DESCRIPTION OF THE TASK: From the entries below, list each line with "IFCSHAPEREPRESENTATION".

DATA EXTRACTS:
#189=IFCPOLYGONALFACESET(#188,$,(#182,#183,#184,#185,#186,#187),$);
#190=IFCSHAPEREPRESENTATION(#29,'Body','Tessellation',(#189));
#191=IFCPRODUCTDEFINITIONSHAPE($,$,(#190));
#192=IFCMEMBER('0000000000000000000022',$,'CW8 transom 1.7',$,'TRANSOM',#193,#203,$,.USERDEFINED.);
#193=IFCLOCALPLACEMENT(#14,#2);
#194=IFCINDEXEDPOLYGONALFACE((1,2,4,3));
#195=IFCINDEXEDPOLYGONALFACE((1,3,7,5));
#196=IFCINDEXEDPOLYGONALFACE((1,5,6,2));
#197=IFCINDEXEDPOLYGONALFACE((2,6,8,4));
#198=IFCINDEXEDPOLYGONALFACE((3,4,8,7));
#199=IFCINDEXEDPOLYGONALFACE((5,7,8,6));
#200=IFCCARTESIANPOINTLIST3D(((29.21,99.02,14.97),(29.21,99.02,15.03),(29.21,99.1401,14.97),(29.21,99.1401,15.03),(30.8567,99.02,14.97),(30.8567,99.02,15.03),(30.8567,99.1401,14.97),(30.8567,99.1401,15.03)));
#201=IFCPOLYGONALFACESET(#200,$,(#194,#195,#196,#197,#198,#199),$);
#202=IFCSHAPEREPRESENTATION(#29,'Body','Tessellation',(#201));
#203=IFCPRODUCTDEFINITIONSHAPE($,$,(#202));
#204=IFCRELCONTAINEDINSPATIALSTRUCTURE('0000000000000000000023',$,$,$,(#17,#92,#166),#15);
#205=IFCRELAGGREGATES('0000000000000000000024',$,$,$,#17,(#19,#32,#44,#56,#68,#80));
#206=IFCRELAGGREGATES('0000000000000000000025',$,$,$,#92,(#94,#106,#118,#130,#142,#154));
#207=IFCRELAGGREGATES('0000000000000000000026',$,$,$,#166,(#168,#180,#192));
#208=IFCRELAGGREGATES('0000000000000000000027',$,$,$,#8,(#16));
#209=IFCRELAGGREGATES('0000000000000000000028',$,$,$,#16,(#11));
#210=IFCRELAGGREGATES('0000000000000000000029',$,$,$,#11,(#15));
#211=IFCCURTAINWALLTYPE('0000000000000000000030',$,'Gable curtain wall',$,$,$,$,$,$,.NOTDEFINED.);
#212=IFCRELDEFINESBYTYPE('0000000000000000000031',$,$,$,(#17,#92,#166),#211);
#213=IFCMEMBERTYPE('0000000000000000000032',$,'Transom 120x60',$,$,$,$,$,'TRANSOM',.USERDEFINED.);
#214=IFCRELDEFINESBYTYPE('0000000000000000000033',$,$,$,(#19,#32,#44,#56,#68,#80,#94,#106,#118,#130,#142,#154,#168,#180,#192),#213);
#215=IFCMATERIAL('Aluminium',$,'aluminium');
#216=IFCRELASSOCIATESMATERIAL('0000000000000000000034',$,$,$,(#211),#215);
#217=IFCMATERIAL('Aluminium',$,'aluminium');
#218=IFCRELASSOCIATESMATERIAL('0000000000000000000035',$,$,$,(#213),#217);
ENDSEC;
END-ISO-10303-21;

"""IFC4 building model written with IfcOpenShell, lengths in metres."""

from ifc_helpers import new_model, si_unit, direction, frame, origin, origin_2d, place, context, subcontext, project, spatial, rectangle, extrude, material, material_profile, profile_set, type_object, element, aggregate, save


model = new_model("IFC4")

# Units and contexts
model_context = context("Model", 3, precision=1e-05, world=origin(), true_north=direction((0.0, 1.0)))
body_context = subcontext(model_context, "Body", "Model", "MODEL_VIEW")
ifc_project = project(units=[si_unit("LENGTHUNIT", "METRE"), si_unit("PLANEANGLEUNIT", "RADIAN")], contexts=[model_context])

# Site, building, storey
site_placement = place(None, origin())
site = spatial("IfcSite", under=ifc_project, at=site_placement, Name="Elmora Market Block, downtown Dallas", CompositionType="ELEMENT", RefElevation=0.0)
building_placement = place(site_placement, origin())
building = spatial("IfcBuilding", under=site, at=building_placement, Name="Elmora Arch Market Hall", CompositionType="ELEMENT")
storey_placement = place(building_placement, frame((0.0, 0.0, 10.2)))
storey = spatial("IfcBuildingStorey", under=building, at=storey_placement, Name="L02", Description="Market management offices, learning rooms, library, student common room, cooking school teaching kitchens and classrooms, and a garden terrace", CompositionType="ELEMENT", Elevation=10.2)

--

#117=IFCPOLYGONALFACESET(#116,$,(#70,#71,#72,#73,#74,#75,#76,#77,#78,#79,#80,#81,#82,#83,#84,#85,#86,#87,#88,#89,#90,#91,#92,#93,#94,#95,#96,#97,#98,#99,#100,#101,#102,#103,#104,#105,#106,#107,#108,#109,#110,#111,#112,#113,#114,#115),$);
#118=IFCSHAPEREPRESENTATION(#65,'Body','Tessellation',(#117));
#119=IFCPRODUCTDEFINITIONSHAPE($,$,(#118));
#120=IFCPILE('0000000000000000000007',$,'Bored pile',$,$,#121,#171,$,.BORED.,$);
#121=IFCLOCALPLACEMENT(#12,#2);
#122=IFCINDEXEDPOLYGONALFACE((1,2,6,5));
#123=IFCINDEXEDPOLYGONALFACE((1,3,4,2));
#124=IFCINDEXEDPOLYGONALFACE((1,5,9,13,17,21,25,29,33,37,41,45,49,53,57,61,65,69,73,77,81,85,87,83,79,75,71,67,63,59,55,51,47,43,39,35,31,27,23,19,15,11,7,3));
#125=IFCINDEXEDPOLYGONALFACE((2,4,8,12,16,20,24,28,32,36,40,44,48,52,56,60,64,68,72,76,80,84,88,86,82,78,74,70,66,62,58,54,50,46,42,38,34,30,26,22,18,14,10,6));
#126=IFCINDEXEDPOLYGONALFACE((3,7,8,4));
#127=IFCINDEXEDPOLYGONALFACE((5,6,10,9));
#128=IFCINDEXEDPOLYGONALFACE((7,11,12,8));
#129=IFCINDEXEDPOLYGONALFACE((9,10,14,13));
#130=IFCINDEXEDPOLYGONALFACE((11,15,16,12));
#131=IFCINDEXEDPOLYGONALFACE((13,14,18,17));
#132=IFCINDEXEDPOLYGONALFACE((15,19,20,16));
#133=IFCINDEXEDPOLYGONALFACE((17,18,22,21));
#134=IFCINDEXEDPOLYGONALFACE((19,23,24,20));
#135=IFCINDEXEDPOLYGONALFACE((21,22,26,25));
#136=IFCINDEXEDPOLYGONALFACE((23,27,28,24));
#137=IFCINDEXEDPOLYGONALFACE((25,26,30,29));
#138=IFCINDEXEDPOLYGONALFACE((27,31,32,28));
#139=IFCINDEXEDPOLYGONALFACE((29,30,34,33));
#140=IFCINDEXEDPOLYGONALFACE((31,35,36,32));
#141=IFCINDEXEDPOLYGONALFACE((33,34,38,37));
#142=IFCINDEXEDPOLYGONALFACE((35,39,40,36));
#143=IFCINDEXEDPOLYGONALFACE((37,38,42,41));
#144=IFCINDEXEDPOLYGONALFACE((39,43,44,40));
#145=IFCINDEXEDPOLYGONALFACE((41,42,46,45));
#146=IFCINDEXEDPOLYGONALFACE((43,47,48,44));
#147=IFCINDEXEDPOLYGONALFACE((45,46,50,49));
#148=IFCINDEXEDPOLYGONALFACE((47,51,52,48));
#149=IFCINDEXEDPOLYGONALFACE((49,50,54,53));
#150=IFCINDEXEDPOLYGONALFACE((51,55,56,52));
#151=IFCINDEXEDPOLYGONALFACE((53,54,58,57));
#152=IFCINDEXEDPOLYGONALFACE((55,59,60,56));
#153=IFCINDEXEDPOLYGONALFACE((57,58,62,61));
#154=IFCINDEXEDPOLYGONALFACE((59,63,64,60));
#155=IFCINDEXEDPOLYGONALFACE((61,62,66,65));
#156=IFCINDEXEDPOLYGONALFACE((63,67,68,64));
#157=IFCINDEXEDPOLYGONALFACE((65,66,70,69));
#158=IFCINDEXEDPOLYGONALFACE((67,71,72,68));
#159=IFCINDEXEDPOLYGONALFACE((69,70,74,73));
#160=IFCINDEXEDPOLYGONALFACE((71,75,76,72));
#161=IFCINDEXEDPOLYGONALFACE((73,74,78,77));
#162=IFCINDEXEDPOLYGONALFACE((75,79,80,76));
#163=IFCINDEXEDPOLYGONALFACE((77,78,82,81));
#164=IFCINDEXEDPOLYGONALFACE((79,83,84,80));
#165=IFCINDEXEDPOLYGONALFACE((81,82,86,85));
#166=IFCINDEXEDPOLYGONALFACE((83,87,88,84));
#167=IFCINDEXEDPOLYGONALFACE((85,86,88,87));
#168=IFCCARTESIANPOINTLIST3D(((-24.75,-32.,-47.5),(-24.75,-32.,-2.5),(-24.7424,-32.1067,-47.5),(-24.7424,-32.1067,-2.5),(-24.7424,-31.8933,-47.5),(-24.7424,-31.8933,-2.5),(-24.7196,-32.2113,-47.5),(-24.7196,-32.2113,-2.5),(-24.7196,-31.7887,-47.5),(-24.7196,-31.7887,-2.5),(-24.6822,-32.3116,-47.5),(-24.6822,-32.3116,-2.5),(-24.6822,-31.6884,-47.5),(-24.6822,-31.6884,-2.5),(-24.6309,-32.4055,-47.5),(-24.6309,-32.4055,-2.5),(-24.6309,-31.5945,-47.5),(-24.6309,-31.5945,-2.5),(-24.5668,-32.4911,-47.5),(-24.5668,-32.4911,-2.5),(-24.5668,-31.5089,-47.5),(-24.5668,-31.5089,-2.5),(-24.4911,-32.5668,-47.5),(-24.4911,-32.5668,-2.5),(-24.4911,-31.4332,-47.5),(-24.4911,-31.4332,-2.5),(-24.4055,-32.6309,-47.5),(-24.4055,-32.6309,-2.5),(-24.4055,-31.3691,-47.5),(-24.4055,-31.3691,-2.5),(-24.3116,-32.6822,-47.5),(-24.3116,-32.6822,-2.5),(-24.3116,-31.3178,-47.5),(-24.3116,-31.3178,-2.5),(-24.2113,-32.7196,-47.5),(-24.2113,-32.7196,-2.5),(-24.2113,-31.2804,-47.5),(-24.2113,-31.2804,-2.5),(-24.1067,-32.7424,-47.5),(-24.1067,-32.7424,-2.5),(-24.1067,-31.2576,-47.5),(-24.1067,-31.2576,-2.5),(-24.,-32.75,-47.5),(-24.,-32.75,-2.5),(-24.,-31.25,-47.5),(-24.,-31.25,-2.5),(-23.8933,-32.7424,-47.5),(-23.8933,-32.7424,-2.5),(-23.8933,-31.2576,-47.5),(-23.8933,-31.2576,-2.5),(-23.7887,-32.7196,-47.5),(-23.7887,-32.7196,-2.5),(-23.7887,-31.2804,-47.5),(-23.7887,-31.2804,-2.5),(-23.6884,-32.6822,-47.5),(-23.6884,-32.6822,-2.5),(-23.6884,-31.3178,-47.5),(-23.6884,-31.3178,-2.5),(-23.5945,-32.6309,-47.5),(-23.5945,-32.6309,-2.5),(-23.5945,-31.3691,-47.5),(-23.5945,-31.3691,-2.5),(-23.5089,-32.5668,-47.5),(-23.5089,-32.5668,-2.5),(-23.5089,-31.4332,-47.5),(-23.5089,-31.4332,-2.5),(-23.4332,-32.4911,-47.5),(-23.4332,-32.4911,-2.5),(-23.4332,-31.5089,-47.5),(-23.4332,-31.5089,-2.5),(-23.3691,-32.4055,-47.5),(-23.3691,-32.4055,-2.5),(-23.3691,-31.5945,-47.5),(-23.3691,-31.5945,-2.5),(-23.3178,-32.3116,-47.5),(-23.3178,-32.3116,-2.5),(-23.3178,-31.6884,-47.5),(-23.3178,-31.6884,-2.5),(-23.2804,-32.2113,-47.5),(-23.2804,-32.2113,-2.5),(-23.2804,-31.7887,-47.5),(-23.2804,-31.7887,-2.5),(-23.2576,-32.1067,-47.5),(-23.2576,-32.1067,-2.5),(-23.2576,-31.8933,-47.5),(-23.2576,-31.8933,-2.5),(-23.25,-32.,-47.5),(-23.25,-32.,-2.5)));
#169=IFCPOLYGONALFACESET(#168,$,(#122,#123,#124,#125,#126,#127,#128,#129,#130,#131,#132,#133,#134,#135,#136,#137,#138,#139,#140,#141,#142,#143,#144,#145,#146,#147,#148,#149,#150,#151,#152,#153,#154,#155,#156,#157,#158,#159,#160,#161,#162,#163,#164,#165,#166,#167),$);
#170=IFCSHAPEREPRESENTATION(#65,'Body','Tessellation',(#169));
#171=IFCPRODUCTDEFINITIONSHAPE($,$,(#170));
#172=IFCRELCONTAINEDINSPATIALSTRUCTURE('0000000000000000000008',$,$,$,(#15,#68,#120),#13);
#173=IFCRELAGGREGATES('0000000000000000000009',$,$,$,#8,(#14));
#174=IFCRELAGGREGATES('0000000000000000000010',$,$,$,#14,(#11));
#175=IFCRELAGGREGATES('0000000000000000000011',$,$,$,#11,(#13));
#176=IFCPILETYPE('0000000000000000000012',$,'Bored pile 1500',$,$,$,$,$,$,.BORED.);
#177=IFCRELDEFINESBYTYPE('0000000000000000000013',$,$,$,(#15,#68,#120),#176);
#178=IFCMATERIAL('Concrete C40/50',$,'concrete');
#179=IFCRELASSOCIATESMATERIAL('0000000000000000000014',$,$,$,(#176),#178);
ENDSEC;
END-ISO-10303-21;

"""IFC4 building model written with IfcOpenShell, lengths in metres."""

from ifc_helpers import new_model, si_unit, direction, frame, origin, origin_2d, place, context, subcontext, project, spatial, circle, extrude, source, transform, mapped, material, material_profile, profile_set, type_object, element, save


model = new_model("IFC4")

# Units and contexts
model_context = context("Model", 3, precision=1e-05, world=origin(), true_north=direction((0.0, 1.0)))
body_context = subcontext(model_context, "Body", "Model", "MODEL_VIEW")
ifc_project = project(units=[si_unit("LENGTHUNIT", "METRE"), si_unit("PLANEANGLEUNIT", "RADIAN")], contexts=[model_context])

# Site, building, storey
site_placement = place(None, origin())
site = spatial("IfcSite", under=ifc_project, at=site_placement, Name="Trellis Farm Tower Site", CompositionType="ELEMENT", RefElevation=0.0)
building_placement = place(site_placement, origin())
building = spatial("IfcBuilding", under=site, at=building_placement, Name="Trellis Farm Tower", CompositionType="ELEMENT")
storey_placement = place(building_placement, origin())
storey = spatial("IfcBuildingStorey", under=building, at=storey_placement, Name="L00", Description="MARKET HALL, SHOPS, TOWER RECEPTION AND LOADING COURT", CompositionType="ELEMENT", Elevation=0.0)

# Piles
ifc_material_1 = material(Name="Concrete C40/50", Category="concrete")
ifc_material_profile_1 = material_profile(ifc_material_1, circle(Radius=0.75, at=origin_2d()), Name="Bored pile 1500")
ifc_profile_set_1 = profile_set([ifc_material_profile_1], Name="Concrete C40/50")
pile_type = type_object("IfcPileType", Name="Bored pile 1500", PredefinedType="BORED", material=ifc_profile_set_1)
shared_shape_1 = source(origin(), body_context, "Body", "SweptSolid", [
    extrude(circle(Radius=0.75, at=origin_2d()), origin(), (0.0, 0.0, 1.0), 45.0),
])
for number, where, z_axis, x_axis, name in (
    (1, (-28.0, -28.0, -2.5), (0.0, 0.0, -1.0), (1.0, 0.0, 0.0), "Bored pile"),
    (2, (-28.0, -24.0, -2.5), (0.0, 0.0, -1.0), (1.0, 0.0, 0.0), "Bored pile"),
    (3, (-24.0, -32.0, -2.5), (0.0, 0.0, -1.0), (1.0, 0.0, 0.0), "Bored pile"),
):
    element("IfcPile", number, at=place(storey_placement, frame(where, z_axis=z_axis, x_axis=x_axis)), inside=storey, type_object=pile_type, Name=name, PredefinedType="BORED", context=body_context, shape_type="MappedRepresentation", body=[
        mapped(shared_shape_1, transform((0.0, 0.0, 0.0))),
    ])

RESPONSE AREA:
#190=IFCSHAPEREPRESENTATION(#29,'Body','Tessellation',(#189));
#202=IFCSHAPEREPRESENTATION(#29,'Body','Tessellation',(#201));
#118=IFCSHAPEREPRESENTATION(#65,'Body','Tessellation',(#117));
#170=IFCSHAPEREPRESENTATION(#65,'Body','Tessellation',(#169));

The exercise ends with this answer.